(Collected data entries)

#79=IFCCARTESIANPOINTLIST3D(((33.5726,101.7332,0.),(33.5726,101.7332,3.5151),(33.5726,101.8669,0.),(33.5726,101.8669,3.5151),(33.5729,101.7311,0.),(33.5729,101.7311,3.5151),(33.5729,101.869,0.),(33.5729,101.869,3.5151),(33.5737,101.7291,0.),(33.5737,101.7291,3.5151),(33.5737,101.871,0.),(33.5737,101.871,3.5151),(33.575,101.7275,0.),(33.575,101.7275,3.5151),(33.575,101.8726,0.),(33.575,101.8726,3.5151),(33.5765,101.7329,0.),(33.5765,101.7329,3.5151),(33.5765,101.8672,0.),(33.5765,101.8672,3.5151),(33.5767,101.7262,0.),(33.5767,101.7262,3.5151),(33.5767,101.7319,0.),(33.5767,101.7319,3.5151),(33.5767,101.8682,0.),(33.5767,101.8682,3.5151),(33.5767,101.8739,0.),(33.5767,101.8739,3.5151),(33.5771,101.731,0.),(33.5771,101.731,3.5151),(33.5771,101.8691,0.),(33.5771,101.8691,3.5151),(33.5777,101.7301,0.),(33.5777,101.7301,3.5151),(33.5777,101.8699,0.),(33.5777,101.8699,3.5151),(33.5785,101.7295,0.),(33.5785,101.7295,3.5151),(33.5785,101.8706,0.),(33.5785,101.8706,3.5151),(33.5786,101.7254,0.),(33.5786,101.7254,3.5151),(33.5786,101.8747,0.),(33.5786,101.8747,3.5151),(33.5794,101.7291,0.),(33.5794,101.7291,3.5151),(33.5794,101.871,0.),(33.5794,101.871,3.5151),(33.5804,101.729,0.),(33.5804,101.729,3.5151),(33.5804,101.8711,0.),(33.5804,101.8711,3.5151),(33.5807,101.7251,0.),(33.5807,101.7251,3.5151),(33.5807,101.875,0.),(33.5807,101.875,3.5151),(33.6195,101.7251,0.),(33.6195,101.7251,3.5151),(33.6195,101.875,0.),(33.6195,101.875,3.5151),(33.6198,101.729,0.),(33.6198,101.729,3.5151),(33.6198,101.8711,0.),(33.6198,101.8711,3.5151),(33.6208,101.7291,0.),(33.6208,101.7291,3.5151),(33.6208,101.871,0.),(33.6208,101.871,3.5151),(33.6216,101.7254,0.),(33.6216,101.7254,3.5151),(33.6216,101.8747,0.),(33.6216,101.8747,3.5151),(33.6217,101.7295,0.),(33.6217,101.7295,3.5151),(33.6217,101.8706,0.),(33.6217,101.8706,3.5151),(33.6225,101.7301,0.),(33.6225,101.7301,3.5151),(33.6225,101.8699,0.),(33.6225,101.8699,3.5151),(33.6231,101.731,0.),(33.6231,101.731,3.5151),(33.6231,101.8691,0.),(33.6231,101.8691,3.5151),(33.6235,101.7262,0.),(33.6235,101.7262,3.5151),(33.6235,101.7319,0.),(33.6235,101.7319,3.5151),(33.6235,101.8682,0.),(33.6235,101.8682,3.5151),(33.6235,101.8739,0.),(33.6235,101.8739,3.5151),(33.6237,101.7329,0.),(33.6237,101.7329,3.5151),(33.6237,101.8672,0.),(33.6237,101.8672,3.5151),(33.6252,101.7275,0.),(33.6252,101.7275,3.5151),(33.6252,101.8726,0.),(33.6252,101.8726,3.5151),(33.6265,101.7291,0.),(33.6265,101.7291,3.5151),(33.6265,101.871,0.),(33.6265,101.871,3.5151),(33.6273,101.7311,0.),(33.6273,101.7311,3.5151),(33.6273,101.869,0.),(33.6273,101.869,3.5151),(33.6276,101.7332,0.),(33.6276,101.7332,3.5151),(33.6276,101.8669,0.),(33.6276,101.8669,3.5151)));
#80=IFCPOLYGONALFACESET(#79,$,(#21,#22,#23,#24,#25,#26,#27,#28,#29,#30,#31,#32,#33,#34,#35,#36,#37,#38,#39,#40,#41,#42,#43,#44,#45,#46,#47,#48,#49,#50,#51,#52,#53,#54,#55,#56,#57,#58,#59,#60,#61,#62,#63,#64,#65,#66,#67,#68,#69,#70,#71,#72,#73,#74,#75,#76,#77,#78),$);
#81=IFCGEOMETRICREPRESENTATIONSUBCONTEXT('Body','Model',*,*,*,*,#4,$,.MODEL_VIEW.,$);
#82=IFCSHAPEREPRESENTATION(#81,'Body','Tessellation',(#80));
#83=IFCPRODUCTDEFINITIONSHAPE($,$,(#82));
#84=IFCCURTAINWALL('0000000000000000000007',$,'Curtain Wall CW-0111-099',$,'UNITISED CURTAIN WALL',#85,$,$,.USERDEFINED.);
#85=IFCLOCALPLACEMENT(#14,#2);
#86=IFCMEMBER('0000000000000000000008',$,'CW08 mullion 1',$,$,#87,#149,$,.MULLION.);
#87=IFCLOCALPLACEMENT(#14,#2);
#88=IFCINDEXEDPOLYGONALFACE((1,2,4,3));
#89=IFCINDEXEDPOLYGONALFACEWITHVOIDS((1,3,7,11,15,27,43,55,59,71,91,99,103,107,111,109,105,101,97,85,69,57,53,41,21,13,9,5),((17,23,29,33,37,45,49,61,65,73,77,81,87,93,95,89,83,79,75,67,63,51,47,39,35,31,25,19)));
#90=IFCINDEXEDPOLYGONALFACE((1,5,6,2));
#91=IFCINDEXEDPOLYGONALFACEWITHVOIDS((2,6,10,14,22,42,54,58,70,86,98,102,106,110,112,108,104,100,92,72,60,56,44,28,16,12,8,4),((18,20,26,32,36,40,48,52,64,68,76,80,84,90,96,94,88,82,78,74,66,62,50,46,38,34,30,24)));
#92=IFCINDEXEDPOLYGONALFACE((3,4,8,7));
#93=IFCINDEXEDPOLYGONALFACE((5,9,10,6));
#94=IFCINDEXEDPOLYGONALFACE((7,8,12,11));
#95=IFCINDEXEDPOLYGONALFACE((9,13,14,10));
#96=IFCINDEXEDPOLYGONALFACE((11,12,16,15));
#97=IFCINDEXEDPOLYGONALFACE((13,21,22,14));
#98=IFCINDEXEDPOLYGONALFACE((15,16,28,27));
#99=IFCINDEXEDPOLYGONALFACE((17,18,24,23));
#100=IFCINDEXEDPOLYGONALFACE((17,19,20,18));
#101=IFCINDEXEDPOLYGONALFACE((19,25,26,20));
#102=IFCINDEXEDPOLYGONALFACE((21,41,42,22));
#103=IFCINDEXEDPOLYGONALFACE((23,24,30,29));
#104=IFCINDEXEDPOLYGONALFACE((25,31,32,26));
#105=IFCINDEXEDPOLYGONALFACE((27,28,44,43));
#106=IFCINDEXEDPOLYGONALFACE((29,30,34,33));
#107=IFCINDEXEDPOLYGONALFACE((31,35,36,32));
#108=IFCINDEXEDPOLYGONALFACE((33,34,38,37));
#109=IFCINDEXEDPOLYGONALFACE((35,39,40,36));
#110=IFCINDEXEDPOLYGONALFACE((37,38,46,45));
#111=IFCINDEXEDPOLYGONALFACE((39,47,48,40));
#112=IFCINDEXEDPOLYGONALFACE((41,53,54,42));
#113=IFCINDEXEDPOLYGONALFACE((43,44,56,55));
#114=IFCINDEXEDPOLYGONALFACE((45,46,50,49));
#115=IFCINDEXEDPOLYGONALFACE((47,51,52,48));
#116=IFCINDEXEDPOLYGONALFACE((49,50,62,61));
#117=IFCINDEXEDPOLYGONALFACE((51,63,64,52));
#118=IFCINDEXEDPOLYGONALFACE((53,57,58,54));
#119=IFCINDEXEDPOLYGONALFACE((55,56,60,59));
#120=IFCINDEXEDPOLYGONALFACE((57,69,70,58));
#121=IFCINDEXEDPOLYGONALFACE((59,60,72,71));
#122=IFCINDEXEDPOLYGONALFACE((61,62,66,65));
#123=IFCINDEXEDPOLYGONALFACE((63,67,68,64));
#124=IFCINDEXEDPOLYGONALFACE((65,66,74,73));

### Work instruction
Write out, exactly as they appear, the lines from the one containing "#96=IFCINDEXEDPOLYGONALFACE((11,12,16,15));" through the last line of the records above, both included, and nothing more.

### Answer to this problem
#96=IFCINDEXEDPOLYGONALFACE((11,12,16,15));
#97=IFCINDEXEDPOLYGONALFACE((13,21,22,14));
#98=IFCINDEXEDPOLYGONALFACE((15,16,28,27));
#99=IFCINDEXEDPOLYGONALFACE((17,18,24,23));
#100=IFCINDEXEDPOLYGONALFACE((17,19,20,18));
#101=IFCINDEXEDPOLYGONALFACE((19,25,26,20));
#102=IFCINDEXEDPOLYGONALFACE((21,41,42,22));
#103=IFCINDEXEDPOLYGONALFACE((23,24,30,29));
#104=IFCINDEXEDPOLYGONALFACE((25,31,32,26));
#105=IFCINDEXEDPOLYGONALFACE((27,28,44,43));
#106=IFCINDEXEDPOLYGONALFACE((29,30,34,33));
#107=IFCINDEXEDPOLYGONALFACE((31,35,36,32));
#108=IFCINDEXEDPOLYGONALFACE((33,34,38,37));
#109=IFCINDEXEDPOLYGONALFACE((35,39,40,36));
#110=IFCINDEXEDPOLYGONALFACE((37,38,46,45));
#111=IFCINDEXEDPOLYGONALFACE((39,47,48,40));
#112=IFCINDEXEDPOLYGONALFACE((41,53,54,42));
#113=IFCINDEXEDPOLYGONALFACE((43,44,56,55));
#114=IFCINDEXEDPOLYGONALFACE((45,46,50,49));
#115=IFCINDEXEDPOLYGONALFACE((47,51,52,48));
#116=IFCINDEXEDPOLYGONALFACE((49,50,62,61));
#117=IFCINDEXEDPOLYGONALFACE((51,63,64,52));
#118=IFCINDEXEDPOLYGONALFACE((53,57,58,54));
#119=IFCINDEXEDPOLYGONALFACE((55,56,60,59));
#120=IFCINDEXEDPOLYGONALFACE((57,69,70,58));
#121=IFCINDEXEDPOLYGONALFACE((59,60,72,71));
#122=IFCINDEXEDPOLYGONALFACE((61,62,66,65));
#123=IFCINDEXEDPOLYGONALFACE((63,67,68,64));
#124=IFCINDEXEDPOLYGONALFACE((65,66,74,73));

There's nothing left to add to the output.